DATA SUPPLIED Start Marker

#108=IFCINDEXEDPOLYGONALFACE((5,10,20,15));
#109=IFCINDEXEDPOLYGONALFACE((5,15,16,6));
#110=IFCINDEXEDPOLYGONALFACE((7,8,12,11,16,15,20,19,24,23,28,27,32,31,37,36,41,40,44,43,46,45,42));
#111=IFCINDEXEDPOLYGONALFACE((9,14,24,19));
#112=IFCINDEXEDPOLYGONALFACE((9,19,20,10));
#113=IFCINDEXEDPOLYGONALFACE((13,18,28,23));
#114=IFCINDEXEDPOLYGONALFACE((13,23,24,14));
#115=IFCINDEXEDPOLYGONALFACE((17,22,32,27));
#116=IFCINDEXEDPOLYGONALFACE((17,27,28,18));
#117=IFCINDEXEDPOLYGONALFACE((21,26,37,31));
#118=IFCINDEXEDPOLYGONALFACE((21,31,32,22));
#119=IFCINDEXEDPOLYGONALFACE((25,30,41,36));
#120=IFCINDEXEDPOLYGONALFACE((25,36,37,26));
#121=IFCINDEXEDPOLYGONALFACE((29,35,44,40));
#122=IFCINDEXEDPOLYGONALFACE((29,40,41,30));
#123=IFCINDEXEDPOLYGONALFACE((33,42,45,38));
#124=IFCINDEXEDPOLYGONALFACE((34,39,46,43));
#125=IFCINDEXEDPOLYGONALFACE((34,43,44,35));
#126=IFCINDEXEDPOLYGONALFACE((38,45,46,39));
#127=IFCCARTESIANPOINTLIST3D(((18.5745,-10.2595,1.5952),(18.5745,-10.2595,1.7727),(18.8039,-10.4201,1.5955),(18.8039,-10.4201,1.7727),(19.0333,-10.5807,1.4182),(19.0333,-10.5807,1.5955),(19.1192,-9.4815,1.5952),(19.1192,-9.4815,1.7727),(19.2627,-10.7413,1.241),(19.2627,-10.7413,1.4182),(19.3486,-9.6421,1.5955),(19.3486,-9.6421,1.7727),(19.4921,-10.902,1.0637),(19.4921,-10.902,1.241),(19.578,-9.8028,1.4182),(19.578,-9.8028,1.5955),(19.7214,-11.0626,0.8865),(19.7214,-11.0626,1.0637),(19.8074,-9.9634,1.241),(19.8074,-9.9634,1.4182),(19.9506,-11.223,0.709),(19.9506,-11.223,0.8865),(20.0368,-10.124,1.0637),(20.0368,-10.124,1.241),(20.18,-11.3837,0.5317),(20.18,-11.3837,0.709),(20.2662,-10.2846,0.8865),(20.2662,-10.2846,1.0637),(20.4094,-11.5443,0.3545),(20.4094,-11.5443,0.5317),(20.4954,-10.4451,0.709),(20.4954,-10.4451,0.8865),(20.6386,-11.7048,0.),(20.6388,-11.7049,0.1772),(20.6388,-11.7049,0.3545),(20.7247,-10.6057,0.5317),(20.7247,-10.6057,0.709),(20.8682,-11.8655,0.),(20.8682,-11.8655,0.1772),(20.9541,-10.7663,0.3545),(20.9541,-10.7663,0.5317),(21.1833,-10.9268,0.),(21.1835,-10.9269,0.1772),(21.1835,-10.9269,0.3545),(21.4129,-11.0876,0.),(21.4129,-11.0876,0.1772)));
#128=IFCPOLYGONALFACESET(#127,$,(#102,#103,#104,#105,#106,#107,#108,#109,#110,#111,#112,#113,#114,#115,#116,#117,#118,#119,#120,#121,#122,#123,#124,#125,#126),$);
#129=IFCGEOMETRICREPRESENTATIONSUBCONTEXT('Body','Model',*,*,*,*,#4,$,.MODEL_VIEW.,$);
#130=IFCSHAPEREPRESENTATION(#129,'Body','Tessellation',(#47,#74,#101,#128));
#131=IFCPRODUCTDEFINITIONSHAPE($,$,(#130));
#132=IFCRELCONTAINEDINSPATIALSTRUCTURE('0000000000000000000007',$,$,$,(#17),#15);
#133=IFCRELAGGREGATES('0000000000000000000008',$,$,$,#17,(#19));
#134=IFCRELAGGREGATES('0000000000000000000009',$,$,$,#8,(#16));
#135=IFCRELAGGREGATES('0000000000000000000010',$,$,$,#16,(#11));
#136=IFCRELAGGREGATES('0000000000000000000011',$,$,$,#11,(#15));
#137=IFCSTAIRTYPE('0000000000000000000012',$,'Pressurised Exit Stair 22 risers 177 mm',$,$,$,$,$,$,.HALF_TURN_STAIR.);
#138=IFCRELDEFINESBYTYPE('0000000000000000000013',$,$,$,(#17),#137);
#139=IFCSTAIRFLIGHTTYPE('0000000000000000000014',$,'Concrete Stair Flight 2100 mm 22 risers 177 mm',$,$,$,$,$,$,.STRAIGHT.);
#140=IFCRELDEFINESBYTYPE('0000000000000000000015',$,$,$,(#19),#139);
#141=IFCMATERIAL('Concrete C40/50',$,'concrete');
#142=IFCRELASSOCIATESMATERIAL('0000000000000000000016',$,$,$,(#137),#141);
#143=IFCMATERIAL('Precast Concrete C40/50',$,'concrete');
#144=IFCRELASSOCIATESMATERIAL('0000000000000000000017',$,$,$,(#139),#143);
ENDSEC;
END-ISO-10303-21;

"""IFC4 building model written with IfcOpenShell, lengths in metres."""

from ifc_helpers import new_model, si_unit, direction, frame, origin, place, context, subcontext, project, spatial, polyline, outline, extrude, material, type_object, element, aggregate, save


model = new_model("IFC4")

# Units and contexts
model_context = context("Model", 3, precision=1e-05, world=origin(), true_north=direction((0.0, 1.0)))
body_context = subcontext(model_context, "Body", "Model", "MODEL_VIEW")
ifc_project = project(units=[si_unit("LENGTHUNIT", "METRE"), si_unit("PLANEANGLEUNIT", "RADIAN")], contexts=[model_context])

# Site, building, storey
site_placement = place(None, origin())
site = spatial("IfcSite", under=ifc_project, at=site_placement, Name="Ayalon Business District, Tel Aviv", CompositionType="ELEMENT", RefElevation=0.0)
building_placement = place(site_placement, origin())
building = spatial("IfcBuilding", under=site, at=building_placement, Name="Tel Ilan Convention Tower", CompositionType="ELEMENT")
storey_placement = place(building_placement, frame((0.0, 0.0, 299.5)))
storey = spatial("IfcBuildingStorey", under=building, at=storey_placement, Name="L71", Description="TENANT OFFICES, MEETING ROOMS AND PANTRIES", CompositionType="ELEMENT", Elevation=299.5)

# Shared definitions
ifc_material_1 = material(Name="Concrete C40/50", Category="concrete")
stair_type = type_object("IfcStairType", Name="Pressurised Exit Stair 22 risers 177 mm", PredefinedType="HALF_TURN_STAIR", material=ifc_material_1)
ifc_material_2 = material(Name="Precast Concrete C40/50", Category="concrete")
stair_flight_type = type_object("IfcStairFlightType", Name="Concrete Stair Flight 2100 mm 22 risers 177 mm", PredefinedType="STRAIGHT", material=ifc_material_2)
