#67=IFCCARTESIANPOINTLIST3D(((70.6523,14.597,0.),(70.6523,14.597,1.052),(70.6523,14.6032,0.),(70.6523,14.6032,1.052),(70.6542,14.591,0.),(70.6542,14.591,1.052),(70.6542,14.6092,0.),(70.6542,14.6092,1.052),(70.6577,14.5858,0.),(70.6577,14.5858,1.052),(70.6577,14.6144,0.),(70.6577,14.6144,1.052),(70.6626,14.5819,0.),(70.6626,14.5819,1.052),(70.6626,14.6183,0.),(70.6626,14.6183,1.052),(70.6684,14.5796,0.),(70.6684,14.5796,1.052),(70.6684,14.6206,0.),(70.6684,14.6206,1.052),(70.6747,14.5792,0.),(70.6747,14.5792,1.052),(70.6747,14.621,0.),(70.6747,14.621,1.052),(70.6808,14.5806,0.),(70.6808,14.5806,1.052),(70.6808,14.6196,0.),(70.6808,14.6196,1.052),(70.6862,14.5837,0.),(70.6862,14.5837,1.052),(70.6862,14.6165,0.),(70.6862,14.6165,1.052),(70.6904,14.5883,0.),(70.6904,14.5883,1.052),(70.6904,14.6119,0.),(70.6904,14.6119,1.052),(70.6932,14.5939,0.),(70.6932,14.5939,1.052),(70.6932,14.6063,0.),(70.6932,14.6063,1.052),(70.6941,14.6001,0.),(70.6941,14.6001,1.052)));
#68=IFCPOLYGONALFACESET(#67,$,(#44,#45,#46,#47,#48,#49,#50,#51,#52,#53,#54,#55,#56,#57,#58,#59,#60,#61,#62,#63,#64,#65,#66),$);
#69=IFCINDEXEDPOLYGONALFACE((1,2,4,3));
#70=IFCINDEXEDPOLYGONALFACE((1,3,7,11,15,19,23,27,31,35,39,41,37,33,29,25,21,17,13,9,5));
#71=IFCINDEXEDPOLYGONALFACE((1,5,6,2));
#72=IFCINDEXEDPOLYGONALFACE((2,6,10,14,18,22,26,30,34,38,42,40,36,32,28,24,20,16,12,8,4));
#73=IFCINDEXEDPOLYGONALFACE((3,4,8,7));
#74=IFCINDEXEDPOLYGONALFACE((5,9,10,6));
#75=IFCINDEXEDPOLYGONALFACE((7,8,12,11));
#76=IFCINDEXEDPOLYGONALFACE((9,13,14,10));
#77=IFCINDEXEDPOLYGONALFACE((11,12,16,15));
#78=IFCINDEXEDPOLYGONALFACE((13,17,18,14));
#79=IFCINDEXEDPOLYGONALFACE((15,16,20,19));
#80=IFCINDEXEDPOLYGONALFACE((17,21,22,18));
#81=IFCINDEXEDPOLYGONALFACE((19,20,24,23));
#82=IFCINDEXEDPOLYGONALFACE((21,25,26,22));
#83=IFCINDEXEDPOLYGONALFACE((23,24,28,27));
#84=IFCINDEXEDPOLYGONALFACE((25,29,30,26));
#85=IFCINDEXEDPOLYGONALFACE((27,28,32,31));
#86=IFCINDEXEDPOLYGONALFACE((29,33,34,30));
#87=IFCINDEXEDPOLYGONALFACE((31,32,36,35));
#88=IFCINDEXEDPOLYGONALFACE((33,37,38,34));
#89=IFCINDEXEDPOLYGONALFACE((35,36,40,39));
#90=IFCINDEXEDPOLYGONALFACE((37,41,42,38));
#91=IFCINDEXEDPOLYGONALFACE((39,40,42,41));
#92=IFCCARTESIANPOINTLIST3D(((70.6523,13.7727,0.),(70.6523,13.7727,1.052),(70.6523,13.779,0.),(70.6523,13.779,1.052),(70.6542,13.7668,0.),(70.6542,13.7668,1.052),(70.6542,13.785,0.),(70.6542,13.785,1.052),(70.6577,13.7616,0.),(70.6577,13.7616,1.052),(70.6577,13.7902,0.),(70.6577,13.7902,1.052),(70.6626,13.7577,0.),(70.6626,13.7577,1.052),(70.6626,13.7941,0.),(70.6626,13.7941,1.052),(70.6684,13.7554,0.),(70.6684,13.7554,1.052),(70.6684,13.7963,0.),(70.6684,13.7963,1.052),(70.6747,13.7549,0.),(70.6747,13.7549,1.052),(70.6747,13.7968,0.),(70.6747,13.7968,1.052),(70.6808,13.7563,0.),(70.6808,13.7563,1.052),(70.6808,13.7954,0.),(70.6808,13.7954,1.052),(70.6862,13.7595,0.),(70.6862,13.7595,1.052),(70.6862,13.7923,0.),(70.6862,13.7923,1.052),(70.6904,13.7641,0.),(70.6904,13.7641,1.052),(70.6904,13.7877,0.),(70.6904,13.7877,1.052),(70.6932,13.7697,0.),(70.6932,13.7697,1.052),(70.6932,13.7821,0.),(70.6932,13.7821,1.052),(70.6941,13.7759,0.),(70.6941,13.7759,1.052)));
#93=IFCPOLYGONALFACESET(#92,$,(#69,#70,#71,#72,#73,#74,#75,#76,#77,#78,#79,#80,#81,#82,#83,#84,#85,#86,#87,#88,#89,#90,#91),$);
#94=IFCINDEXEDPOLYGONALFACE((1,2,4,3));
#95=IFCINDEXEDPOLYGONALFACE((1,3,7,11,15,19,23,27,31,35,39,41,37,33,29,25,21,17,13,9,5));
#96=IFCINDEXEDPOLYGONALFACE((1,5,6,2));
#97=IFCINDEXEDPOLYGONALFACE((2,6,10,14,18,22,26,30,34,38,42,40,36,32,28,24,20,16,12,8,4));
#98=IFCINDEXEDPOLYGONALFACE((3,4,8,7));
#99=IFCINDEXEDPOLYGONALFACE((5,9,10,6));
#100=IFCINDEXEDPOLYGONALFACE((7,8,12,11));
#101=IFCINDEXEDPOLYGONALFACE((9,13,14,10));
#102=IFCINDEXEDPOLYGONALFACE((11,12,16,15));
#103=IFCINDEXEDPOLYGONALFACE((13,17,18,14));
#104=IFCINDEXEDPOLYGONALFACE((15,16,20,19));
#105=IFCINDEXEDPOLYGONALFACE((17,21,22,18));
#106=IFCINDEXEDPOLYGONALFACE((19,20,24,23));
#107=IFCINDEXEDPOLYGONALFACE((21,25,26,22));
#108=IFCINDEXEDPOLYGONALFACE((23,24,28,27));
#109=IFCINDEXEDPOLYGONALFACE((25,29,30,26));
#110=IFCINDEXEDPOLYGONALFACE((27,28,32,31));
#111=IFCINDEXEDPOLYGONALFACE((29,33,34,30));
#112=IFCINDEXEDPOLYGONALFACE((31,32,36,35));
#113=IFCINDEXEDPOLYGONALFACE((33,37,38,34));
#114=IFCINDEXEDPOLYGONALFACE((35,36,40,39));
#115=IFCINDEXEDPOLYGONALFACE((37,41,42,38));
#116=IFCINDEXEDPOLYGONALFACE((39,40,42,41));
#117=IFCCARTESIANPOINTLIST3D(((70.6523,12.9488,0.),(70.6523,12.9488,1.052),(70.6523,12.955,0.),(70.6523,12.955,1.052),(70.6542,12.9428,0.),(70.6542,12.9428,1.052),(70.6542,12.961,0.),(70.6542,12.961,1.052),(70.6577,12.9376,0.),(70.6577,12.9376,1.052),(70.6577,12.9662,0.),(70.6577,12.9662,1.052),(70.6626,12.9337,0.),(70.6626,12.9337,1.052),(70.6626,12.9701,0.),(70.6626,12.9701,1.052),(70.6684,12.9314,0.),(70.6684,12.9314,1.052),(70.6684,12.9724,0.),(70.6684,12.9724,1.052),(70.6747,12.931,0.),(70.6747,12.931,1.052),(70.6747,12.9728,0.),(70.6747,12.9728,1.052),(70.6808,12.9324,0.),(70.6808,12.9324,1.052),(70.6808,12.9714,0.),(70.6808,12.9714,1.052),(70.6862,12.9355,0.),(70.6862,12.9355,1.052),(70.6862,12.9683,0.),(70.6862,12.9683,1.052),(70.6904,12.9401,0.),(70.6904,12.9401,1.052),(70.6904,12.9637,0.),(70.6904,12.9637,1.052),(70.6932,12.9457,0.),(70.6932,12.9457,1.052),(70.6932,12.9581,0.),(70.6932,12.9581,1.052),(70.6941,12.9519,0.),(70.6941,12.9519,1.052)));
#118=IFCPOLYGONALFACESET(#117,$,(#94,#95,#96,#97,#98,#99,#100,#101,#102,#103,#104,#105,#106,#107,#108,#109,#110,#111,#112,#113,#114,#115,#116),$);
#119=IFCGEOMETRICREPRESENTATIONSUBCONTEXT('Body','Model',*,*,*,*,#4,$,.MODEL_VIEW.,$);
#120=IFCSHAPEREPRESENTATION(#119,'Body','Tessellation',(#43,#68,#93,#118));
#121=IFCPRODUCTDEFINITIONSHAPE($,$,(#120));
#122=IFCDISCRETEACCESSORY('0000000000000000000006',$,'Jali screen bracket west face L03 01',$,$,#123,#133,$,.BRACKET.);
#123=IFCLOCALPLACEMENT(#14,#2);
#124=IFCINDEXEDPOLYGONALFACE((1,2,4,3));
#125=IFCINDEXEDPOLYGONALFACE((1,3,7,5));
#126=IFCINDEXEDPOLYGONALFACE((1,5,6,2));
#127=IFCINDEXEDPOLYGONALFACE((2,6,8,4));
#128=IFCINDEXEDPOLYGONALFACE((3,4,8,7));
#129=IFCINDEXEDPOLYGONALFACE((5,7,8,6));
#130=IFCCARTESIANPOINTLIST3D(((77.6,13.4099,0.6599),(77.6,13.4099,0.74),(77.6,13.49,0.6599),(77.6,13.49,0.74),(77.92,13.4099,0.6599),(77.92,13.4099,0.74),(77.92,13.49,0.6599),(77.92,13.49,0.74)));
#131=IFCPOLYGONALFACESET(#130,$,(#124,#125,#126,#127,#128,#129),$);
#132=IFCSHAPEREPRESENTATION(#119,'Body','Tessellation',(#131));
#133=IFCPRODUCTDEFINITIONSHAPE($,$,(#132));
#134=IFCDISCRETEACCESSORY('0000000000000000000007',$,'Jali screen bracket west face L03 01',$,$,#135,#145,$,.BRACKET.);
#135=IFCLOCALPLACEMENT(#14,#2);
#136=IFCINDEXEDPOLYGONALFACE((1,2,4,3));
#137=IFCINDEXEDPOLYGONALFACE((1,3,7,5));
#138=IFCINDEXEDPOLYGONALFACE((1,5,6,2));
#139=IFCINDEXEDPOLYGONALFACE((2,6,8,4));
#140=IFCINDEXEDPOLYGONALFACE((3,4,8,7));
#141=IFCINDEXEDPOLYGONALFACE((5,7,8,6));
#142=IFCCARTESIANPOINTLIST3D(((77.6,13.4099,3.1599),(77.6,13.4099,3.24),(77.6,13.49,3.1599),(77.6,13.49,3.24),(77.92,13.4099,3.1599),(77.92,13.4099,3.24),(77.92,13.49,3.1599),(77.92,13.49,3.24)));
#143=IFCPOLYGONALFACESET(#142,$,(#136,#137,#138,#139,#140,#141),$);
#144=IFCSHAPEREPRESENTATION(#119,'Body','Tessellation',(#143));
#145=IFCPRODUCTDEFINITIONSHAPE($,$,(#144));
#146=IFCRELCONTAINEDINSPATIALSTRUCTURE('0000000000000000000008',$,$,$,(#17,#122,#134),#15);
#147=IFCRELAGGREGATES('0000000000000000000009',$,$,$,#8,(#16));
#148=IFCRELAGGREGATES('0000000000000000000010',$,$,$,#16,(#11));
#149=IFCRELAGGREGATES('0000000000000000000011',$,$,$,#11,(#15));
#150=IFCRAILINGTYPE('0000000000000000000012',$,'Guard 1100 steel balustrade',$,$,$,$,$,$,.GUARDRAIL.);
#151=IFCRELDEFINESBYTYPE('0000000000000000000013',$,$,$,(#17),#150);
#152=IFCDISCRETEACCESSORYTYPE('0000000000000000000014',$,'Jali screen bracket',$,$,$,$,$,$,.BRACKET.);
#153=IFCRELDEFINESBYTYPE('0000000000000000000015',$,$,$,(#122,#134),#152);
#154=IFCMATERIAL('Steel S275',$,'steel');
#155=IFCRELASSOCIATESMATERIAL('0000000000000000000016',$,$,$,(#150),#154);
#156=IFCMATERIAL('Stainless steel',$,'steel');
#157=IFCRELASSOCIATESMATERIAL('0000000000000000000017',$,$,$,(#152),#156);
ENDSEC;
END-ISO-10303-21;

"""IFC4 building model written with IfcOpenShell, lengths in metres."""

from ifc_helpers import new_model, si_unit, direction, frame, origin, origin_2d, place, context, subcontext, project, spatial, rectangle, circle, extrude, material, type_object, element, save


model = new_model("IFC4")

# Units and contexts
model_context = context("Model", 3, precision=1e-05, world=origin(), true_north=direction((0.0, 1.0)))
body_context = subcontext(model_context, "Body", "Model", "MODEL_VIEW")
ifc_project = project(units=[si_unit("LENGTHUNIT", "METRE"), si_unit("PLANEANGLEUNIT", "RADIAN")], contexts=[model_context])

DATA SUPPLIED End Marker

[HOW TO COMPLETE THIS TASK]:
Print exactly the lines of the listing above starting at the line containing "#80=IFCINDEXEDPOLYGONALFACE((17,21,22,18));" and ending at the line containing "#87=IFCINDEXEDPOLYGONALFACE((31,32,36,35));", both included.

[OUTPUT FOR THIS TASK]:
#80=IFCINDEXEDPOLYGONALFACE((17,21,22,18));
#81=IFCINDEXEDPOLYGONALFACE((19,20,24,23));
#82=IFCINDEXEDPOLYGONALFACE((21,25,26,22));
#83=IFCINDEXEDPOLYGONALFACE((23,24,28,27));
#84=IFCINDEXEDPOLYGONALFACE((25,29,30,26));
#85=IFCINDEXEDPOLYGONALFACE((27,28,32,31));
#86=IFCINDEXEDPOLYGONALFACE((29,33,34,30));
#87=IFCINDEXEDPOLYGONALFACE((31,32,36,35));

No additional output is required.